## [Exercise aim]
Copy the records below word for word. Stop after the line that contains "#145=IFCINDEXEDPOLYGONALFACE((67,71,72,68));".

## [Given data]
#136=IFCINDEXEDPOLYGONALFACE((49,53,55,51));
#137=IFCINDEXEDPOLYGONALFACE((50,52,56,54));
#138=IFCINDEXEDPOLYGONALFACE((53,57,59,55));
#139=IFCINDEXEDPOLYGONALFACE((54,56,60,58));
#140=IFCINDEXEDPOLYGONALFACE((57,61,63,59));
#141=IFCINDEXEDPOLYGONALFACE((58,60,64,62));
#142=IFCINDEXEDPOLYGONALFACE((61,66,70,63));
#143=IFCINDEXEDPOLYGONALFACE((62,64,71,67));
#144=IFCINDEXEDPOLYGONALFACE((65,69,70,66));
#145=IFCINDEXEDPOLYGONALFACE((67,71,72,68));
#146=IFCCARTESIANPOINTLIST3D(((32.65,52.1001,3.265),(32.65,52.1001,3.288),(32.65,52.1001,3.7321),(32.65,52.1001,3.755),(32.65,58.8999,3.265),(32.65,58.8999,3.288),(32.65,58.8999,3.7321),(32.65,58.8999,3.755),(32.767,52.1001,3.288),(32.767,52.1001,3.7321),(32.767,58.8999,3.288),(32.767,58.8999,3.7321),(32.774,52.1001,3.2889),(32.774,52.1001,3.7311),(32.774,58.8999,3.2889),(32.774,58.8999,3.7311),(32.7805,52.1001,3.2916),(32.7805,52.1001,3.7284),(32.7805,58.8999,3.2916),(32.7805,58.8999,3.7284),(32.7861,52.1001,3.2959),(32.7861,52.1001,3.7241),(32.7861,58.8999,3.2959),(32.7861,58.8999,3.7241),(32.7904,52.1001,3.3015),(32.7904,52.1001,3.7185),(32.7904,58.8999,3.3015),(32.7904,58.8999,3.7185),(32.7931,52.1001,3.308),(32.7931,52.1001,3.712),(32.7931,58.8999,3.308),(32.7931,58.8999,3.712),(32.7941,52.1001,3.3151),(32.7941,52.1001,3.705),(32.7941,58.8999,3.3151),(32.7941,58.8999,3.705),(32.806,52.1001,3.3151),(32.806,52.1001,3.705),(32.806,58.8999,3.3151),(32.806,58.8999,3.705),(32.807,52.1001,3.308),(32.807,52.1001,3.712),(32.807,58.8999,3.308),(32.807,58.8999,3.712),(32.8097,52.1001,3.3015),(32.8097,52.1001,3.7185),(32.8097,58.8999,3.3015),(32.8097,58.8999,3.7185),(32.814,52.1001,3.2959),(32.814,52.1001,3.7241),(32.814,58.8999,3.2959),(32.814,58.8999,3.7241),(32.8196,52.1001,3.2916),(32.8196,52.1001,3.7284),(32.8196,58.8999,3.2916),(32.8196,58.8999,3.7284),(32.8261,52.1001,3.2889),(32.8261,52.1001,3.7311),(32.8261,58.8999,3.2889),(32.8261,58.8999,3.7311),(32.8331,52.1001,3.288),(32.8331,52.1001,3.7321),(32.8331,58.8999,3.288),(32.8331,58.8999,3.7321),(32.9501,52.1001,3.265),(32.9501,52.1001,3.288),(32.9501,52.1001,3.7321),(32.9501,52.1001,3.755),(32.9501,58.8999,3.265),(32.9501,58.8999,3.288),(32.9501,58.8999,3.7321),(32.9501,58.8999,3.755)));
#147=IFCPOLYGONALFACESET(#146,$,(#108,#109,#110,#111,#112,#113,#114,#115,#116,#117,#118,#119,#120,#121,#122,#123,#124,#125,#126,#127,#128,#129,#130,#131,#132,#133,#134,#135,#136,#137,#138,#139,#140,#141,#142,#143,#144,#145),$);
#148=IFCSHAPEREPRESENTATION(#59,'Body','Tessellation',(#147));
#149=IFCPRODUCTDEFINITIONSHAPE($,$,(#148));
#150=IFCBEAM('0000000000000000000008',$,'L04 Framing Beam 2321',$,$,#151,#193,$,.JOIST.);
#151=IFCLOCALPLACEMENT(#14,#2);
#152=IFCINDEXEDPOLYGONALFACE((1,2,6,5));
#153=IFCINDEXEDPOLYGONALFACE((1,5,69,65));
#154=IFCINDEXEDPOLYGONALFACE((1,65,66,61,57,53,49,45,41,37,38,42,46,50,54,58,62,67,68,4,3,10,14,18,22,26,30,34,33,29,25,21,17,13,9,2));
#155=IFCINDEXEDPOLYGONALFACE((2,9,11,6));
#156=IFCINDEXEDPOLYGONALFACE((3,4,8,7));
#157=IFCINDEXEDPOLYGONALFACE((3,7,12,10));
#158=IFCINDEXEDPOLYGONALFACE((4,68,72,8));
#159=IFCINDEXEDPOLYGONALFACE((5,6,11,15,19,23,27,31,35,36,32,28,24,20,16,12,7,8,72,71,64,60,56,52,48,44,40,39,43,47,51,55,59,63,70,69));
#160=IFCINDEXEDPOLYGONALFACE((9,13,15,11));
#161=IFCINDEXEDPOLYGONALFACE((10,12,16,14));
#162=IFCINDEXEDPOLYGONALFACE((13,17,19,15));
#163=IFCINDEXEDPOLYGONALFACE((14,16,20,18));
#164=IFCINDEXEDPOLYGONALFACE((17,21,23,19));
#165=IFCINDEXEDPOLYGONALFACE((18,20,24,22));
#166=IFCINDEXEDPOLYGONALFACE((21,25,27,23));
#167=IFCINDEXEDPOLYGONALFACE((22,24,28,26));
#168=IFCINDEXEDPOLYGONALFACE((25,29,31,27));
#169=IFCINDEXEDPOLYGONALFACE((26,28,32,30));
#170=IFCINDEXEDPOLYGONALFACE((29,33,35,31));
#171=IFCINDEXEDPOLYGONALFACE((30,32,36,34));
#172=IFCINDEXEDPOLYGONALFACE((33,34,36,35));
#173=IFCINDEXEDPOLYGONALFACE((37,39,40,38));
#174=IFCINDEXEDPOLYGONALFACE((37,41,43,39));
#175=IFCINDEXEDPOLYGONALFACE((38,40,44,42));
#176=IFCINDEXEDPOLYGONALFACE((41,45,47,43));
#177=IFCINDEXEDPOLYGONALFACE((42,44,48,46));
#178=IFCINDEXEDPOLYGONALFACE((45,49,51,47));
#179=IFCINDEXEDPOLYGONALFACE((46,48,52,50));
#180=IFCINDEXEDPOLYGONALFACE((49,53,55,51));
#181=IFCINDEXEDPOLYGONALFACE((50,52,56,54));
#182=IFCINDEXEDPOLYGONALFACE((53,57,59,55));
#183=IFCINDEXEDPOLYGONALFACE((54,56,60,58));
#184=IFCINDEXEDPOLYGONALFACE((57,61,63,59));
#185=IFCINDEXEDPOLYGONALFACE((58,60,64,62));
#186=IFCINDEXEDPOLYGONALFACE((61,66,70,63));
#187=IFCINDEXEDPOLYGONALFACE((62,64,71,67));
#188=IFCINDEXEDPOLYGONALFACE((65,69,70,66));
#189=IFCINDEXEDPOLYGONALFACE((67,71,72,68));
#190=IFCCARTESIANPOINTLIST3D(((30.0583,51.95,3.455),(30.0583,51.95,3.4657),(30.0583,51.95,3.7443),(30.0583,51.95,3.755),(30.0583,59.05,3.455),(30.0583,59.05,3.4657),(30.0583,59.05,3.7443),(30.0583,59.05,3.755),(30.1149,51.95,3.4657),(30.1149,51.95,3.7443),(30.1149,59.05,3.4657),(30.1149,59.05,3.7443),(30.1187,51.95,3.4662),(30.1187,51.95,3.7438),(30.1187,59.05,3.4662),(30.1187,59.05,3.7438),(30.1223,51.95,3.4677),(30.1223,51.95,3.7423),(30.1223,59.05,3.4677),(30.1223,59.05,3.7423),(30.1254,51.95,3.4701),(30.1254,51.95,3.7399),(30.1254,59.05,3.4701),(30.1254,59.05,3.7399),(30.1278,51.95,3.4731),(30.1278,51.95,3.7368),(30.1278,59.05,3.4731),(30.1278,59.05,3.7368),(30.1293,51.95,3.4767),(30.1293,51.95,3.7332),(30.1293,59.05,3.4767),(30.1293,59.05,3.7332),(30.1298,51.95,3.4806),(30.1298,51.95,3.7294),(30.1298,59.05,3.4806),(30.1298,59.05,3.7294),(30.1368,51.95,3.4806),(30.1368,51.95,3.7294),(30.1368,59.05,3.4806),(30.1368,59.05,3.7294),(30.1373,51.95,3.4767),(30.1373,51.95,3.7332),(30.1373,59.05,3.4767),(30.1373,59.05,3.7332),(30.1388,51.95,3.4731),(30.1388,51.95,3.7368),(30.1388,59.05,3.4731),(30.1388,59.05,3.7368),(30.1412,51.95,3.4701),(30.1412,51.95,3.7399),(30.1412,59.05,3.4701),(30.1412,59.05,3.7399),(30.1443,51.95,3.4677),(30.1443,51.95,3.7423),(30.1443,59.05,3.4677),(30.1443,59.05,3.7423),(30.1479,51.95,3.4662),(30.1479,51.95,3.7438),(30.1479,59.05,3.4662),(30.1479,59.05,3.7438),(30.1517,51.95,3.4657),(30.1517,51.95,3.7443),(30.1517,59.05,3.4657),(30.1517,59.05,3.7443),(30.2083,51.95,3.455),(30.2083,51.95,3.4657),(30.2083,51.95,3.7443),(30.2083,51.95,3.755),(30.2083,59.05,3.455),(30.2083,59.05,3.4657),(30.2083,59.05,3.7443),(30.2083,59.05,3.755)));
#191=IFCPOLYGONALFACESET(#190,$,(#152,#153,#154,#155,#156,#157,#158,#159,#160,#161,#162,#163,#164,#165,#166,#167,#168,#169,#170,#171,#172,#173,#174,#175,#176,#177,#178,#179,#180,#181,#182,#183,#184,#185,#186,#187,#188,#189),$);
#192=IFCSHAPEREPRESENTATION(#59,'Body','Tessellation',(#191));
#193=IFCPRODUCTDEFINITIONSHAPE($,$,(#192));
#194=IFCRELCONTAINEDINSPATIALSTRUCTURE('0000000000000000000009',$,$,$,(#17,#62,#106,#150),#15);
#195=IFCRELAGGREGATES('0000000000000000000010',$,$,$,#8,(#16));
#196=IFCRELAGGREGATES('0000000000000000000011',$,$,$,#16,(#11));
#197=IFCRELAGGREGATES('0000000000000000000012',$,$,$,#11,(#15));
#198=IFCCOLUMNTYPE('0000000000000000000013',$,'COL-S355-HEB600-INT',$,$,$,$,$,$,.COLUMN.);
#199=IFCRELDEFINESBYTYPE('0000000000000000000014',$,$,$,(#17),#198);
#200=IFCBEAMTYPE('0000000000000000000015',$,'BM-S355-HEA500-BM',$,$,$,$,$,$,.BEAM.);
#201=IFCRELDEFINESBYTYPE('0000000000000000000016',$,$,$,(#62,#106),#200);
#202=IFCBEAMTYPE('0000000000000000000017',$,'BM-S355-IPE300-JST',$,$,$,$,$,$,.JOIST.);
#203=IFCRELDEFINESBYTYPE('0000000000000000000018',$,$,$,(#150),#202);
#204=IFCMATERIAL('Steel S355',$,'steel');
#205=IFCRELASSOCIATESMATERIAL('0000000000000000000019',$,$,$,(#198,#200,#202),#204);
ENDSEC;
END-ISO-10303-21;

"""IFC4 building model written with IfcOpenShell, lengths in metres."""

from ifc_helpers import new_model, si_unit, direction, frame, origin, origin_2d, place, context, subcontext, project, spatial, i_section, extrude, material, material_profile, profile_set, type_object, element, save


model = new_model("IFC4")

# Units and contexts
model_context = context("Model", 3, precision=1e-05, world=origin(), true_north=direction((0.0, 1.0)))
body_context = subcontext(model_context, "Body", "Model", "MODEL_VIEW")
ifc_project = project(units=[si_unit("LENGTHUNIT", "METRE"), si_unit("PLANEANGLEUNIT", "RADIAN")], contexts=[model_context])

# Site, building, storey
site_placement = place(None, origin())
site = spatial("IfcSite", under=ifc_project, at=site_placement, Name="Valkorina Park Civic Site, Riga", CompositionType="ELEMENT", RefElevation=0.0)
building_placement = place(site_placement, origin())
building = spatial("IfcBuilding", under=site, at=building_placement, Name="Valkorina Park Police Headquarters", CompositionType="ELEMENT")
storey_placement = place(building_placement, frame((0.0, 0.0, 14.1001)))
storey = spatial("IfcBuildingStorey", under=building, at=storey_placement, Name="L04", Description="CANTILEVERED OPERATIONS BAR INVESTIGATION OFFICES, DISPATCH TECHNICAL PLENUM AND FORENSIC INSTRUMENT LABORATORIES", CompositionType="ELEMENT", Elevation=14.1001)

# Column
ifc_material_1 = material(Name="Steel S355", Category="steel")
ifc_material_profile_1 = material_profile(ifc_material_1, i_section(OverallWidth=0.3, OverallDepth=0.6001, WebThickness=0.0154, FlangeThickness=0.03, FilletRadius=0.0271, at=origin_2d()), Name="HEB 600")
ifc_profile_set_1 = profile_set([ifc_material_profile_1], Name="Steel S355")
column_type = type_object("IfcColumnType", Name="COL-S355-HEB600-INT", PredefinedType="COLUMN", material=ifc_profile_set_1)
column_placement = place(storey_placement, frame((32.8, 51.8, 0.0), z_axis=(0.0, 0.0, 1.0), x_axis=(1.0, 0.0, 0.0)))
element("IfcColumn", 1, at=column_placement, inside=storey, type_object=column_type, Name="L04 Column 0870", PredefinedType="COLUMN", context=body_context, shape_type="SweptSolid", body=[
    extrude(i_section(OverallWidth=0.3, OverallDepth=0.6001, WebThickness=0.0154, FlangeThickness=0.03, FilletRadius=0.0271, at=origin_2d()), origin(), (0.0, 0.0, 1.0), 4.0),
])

## [Response box]
#136=IFCINDEXEDPOLYGONALFACE((49,53,55,51));
#137=IFCINDEXEDPOLYGONALFACE((50,52,56,54));
#138=IFCINDEXEDPOLYGONALFACE((53,57,59,55));
#139=IFCINDEXEDPOLYGONALFACE((54,56,60,58));
#140=IFCINDEXEDPOLYGONALFACE((57,61,63,59));
#141=IFCINDEXEDPOLYGONALFACE((58,60,64,62));
#142=IFCINDEXEDPOLYGONALFACE((61,66,70,63));
#143=IFCINDEXEDPOLYGONALFACE((62,64,71,67));
#144=IFCINDEXEDPOLYGONALFACE((65,69,70,66));
#145=IFCINDEXEDPOLYGONALFACE((67,71,72,68));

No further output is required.